+++ Data under study +++

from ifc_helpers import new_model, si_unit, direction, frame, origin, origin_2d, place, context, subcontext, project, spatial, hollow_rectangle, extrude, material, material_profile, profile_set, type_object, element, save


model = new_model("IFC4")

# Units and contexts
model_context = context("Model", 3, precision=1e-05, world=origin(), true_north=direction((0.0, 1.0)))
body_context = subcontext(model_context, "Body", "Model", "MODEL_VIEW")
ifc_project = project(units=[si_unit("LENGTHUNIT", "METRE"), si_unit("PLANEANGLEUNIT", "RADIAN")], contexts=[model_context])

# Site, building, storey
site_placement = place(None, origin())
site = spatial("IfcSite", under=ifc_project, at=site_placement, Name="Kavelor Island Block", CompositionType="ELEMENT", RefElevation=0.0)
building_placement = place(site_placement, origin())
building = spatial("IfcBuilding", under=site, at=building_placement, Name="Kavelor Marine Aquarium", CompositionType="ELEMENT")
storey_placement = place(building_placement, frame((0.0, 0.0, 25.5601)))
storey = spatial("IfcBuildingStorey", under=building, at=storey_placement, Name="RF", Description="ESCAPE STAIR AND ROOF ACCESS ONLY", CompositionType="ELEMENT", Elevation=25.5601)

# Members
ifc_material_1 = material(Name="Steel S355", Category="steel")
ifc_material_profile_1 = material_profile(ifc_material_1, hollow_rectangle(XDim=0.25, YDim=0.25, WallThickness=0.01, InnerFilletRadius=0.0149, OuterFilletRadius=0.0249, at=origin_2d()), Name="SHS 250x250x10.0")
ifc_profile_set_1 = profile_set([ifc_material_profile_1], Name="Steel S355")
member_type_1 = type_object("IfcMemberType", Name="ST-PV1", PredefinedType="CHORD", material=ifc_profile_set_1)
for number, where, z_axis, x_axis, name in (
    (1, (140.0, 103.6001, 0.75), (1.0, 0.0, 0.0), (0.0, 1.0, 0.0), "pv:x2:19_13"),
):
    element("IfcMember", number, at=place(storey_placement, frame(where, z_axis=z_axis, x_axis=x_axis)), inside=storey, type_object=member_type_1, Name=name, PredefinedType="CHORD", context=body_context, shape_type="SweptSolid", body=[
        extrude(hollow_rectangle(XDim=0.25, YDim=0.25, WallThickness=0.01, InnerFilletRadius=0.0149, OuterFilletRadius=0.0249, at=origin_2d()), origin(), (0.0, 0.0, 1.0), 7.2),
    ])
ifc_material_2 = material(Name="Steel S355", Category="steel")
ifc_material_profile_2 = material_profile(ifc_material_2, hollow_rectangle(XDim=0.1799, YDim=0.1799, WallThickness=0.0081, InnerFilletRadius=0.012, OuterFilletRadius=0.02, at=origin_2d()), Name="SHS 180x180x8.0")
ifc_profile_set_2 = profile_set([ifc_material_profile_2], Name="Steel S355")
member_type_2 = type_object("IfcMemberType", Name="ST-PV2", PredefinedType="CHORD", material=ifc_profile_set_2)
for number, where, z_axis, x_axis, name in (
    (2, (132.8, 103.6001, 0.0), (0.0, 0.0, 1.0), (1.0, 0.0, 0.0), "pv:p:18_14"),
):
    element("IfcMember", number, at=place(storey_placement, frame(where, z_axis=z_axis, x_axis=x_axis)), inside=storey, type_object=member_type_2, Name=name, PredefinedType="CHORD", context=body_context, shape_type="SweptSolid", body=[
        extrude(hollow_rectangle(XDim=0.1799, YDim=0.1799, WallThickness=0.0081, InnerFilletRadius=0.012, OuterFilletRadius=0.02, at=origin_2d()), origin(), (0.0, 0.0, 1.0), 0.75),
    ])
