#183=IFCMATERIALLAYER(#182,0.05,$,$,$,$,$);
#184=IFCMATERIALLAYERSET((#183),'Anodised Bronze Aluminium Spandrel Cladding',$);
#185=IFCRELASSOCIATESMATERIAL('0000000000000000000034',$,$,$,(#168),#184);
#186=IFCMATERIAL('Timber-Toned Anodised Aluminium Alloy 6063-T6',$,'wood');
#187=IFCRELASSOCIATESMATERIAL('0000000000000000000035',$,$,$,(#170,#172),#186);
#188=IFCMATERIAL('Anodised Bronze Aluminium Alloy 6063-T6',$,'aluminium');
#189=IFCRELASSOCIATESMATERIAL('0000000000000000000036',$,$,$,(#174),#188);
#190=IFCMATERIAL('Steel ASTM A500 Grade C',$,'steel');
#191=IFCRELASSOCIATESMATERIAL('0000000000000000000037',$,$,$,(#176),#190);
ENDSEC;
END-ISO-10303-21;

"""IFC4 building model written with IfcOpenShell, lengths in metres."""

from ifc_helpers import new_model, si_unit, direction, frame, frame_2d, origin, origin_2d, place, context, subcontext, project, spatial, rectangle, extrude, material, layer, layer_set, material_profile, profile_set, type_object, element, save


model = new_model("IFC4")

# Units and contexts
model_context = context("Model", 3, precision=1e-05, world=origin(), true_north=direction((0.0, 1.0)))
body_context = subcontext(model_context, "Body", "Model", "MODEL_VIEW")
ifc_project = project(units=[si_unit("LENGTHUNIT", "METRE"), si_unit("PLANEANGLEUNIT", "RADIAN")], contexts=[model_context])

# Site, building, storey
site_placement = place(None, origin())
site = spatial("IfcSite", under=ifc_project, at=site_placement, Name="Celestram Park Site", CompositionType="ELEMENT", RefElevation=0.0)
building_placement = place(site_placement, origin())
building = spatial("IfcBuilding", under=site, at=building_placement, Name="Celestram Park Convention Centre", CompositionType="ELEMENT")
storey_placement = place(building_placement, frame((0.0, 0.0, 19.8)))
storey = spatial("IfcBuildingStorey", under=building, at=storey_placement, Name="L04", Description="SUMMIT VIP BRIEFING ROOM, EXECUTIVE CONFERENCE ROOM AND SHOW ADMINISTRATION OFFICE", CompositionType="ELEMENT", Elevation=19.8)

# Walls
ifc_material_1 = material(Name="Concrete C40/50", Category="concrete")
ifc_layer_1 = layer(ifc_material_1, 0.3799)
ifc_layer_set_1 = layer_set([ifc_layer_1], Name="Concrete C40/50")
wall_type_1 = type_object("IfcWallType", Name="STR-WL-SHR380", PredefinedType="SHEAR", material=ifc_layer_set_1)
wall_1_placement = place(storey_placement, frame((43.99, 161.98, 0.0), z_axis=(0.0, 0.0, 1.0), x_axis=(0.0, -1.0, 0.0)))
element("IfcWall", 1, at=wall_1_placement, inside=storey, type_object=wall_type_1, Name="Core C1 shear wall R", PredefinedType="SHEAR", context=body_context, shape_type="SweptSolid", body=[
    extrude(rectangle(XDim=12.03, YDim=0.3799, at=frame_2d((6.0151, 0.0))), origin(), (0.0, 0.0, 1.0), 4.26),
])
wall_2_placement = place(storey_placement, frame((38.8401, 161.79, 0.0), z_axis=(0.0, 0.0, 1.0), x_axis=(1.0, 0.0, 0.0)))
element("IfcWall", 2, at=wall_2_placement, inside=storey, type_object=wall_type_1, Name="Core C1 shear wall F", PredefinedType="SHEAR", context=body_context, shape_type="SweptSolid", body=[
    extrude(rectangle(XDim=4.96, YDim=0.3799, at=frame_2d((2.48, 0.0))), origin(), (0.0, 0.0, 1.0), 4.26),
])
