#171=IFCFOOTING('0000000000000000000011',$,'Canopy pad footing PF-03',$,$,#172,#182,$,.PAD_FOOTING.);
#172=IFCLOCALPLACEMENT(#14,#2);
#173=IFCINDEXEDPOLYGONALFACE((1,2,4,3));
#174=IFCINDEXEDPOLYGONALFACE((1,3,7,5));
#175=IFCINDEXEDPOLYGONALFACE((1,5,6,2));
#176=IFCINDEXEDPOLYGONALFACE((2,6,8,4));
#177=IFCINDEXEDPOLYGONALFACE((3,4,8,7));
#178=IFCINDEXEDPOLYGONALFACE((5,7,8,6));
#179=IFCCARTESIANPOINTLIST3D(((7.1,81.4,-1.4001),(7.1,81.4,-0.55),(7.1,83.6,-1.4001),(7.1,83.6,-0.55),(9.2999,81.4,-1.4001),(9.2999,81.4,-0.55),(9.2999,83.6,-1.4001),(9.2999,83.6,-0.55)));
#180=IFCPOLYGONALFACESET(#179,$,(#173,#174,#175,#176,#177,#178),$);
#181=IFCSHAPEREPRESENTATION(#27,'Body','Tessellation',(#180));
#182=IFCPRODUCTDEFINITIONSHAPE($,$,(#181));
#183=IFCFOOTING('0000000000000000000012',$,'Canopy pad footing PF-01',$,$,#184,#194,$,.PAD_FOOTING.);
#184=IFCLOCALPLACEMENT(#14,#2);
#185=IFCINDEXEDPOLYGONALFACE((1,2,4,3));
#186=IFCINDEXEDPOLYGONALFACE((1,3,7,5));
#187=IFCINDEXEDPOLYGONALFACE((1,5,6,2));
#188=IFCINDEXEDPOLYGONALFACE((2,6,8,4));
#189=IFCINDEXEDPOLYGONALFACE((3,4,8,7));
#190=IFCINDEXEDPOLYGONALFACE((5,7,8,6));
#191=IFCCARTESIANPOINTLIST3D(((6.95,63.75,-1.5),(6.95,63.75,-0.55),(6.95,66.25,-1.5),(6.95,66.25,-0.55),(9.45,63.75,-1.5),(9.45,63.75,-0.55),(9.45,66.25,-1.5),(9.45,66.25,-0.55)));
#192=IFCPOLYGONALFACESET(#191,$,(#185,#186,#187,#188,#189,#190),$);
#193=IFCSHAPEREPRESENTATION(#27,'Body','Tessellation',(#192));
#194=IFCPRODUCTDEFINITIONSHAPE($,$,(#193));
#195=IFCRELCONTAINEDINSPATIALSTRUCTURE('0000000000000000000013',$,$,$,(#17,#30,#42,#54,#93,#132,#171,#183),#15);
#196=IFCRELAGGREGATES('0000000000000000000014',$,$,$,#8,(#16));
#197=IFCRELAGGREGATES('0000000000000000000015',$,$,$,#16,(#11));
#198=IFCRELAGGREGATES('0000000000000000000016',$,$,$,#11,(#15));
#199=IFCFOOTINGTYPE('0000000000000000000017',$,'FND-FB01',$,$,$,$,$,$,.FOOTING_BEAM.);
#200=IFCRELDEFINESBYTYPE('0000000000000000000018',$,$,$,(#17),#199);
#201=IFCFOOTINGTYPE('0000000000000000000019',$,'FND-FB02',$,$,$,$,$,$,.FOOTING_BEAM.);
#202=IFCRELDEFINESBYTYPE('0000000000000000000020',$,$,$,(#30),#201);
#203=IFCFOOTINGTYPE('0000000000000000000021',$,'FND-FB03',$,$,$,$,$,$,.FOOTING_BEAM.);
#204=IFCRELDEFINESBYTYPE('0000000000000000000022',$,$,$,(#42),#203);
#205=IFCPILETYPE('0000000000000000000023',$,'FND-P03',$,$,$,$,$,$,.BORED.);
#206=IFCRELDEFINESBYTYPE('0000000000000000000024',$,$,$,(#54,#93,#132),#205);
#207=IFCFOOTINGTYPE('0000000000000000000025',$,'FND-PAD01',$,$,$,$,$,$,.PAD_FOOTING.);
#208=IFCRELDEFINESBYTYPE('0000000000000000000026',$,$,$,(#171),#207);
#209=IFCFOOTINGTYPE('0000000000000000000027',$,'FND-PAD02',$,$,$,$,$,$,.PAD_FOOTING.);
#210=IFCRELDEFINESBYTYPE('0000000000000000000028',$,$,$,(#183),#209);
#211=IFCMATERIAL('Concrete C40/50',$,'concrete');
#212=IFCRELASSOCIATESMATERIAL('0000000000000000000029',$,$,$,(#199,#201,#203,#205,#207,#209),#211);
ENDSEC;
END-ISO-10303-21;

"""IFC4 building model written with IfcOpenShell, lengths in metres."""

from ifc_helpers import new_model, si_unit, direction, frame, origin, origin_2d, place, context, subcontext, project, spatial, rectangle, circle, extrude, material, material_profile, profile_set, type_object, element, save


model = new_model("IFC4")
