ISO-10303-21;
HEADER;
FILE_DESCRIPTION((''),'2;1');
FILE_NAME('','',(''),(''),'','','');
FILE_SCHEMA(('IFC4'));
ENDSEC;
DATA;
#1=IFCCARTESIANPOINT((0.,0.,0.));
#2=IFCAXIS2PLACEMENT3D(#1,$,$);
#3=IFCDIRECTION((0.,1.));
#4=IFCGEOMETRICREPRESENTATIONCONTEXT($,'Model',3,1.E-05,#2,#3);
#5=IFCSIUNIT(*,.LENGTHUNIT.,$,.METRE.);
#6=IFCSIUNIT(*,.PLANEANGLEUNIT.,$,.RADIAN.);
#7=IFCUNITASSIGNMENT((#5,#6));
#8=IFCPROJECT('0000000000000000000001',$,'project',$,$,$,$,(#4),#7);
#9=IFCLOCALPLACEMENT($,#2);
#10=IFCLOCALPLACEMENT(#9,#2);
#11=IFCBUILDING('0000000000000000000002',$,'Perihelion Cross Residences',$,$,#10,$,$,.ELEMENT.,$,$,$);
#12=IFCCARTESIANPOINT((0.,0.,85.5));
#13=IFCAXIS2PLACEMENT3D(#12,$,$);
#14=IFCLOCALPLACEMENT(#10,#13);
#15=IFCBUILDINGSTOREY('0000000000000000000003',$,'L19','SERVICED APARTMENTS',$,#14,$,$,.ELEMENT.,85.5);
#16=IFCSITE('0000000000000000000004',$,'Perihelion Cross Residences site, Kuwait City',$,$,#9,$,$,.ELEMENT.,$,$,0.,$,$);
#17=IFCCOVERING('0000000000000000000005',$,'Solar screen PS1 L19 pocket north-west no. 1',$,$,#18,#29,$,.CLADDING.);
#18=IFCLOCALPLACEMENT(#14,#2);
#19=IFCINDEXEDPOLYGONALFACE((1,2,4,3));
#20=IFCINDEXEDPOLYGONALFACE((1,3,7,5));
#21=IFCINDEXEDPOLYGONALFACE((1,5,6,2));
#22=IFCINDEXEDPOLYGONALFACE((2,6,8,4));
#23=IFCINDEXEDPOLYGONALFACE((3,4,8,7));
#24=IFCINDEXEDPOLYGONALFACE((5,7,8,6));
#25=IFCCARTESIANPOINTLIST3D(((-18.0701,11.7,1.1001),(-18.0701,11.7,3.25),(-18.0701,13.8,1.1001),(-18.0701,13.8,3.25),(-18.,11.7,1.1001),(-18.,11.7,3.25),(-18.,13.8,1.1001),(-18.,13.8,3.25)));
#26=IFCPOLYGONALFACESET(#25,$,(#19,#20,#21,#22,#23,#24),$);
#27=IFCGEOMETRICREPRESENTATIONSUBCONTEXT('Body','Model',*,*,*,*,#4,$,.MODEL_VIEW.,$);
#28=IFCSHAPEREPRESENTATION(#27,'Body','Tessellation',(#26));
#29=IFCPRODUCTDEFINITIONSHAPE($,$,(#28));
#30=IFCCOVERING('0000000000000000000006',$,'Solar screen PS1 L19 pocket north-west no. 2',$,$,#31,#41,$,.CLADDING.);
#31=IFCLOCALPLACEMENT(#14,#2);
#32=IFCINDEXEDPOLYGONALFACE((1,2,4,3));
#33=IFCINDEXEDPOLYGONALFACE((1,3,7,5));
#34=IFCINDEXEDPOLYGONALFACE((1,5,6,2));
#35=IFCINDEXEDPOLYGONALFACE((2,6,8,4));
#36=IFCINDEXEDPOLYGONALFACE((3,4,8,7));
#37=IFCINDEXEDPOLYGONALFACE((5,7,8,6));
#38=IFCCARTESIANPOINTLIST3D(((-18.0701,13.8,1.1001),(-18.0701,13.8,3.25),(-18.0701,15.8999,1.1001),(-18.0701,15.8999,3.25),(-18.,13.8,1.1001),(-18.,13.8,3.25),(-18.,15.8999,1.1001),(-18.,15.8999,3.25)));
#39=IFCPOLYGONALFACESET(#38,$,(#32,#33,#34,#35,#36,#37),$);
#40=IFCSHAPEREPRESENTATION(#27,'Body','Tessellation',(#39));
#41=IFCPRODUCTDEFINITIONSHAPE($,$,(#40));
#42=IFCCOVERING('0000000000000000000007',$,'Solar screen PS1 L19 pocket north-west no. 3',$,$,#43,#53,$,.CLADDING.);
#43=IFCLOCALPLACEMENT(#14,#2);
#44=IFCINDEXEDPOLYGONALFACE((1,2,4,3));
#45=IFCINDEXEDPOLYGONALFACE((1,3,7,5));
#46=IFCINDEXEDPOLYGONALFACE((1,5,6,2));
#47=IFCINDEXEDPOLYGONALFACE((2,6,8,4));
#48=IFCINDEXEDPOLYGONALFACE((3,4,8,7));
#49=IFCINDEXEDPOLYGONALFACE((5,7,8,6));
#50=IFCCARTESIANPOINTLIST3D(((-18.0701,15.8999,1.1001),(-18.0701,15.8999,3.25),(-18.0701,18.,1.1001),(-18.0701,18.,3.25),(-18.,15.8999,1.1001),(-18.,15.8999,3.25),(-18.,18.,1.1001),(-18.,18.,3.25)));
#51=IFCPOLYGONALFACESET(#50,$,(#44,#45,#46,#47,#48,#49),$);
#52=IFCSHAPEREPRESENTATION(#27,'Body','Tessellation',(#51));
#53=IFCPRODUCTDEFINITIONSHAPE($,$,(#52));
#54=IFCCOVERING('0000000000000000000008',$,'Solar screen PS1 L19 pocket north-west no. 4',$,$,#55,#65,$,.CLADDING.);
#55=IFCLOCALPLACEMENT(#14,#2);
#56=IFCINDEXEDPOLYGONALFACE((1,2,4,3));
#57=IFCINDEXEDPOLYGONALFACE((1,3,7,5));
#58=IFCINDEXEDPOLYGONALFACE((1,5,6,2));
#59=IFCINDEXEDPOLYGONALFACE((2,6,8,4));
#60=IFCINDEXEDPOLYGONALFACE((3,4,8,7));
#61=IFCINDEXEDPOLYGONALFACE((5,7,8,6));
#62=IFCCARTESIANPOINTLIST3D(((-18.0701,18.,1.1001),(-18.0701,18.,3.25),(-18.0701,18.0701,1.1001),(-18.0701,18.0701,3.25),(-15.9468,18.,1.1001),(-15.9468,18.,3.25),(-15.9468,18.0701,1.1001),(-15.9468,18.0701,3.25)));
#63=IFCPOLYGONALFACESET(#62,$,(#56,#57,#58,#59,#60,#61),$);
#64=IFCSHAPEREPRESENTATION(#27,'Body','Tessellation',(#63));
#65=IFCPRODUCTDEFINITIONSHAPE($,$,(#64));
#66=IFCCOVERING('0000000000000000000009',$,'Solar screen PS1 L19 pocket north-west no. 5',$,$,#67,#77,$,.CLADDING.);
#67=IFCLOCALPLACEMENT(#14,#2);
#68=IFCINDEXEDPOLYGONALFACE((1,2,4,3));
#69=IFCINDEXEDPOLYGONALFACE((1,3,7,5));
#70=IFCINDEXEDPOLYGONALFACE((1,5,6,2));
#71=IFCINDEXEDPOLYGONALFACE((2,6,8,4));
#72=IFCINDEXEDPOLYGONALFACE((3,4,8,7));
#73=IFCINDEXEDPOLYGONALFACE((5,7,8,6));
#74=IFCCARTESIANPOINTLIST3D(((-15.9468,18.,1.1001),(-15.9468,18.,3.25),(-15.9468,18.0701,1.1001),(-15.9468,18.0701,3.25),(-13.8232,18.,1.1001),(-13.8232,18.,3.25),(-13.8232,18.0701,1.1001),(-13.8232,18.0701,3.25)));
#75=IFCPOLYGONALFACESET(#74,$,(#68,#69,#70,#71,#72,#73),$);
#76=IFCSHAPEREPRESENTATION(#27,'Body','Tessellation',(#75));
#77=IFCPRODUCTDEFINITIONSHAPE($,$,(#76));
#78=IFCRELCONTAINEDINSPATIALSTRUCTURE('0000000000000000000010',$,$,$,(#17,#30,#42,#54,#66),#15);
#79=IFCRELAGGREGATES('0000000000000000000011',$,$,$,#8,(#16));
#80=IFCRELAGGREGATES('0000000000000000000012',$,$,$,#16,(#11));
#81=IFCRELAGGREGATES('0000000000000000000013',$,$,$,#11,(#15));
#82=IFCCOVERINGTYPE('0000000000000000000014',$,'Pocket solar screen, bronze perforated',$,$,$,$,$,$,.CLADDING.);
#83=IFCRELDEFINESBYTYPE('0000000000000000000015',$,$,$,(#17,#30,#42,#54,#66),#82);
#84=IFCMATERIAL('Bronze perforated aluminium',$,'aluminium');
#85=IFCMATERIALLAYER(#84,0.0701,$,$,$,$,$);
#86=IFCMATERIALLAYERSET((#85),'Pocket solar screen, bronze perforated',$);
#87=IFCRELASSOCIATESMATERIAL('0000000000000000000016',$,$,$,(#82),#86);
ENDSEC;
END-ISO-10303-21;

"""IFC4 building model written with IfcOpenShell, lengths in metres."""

from ifc_helpers import new_model, si_unit, direction, frame, origin, place, context, subcontext, project, spatial, polyline, outline, extrude, material, layer, layer_set, type_object, element, save


model = new_model("IFC4")

# Units and contexts
model_context = context("Model", 3, precision=1e-05, world=origin(), true_north=direction((0.0, 1.0)))
body_context = subcontext(model_context, "Body", "Model", "MODEL_VIEW")
ifc_project = project(units=[si_unit("LENGTHUNIT", "METRE"), si_unit("PLANEANGLEUNIT", "RADIAN")], contexts=[model_context])

# Site, building, storey
site_placement = place(None, origin())
site = spatial("IfcSite", under=ifc_project, at=site_placement, Name="Perihelion Cross Residences site, Kuwait City", CompositionType="ELEMENT", RefElevation=0.0)
building_placement = place(site_placement, origin())
building = spatial("IfcBuilding", under=site, at=building_placement, Name="Perihelion Cross Residences", CompositionType="ELEMENT")
storey_placement = place(building_placement, frame((0.0, 0.0, 85.5)))
storey = spatial("IfcBuildingStorey", under=building, at=storey_placement, Name="L19", Description="SERVICED APARTMENTS", CompositionType="ELEMENT", Elevation=85.5)

# Coverings
ifc_material_1 = material(Name="Bronze perforated aluminium", Category="aluminium")
ifc_layer_1 = layer(ifc_material_1, 0.0701)
ifc_layer_set_1 = layer_set([ifc_layer_1], Name="Pocket solar screen, bronze perforated")
covering_type_1 = type_object("IfcCoveringType", Name="Pocket solar screen, bronze perforated", PredefinedType="CLADDING", material=ifc_layer_set_1)
covering_1_placement = place(storey_placement, frame((0.0, 0.0, 1.1001)))
element("IfcCovering", 1, at=covering_1_placement, inside=storey, type_object=covering_type_1, Name="Solar screen PS1 L19 pocket north-west no. 1", PredefinedType="CLADDING", context=body_context, shape_type="SweptSolid", body=[
    extrude(outline(polyline([(-18.0, 11.7), (-18.0, 13.8), (-18.0701, 13.8), (-18.0701, 11.7), (-18.0, 11.7)])), origin(), (0.0, 0.0, 1.0), 2.1499),
])
covering_2_placement = place(storey_placement, frame((0.0, 0.0, 1.1001)))
element("IfcCovering", 2, at=covering_2_placement, inside=storey, type_object=covering_type_1, Name="Solar screen PS1 L19 pocket north-west no. 2", PredefinedType="CLADDING", context=body_context, shape_type="SweptSolid", body=[
    extrude(outline(polyline([(-18.0, 13.8), (-18.0, 15.8999), (-18.0701, 15.8999), (-18.0701, 13.8), (-18.0, 13.8)])), origin(), (0.0, 0.0, 1.0), 2.1499),
])
covering_3_placement = place(storey_placement, frame((0.0, 0.0, 1.1001)))
element("IfcCovering", 3, at=covering_3_placement, inside=storey, type_object=covering_type_1, Name="Solar screen PS1 L19 pocket north-west no. 3", PredefinedType="CLADDING", context=body_context, shape_type="SweptSolid", body=[
    extrude(outline(polyline([(-18.0, 15.8999), (-18.0, 18.0), (-18.0701, 18.0), (-18.0701, 15.8999), (-18.0, 15.8999)])), origin(), (0.0, 0.0, 1.0), 2.1499),
])
covering_4_placement = place(storey_placement, frame((0.0, 0.0, 1.1001)))
element("IfcCovering", 4, at=covering_4_placement, inside=storey, type_object=covering_type_1, Name="Solar screen PS1 L19 pocket north-west no. 4", PredefinedType="CLADDING", context=body_context, shape_type="SweptSolid", body=[
    extrude(outline(polyline([(-15.9468, 18.0), (-15.9468, 18.0701), (-18.0701, 18.0701), (-18.0701, 18.0), (-15.9468, 18.0)])), origin(), (0.0, 0.0, 1.0), 2.1499),
])
covering_5_placement = place(storey_placement, frame((0.0, 0.0, 1.1001)))
element("IfcCovering", 5, at=covering_5_placement, inside=storey, type_object=covering_type_1, Name="Solar screen PS1 L19 pocket north-west no. 5", PredefinedType="CLADDING", context=body_context, shape_type="SweptSolid", body=[
    extrude(outline(polyline([(-13.8232, 18.0), (-13.8232, 18.0701), (-15.9468, 18.0701), (-15.9468, 18.0), (-13.8232, 18.0)])), origin(), (0.0, 0.0, 1.0), 2.1499),
])

save(model, "model.ifc")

+++

### Problem statement
Give the exact lines, and only those, from the line containing "#32=IFCINDEXEDPOLYGONALFACE((1,2,4,3));" through the line containing "#37=IFCINDEXEDPOLYGONALFACE((5,7,8,6));" in the entries above.

### Output of the exercise
#32=IFCINDEXEDPOLYGONALFACE((1,2,4,3));
#33=IFCINDEXEDPOLYGONALFACE((1,3,7,5));
#34=IFCINDEXEDPOLYGONALFACE((1,5,6,2));
#35=IFCINDEXEDPOLYGONALFACE((2,6,8,4));
#36=IFCINDEXEDPOLYGONALFACE((3,4,8,7));
#37=IFCINDEXEDPOLYGONALFACE((5,7,8,6));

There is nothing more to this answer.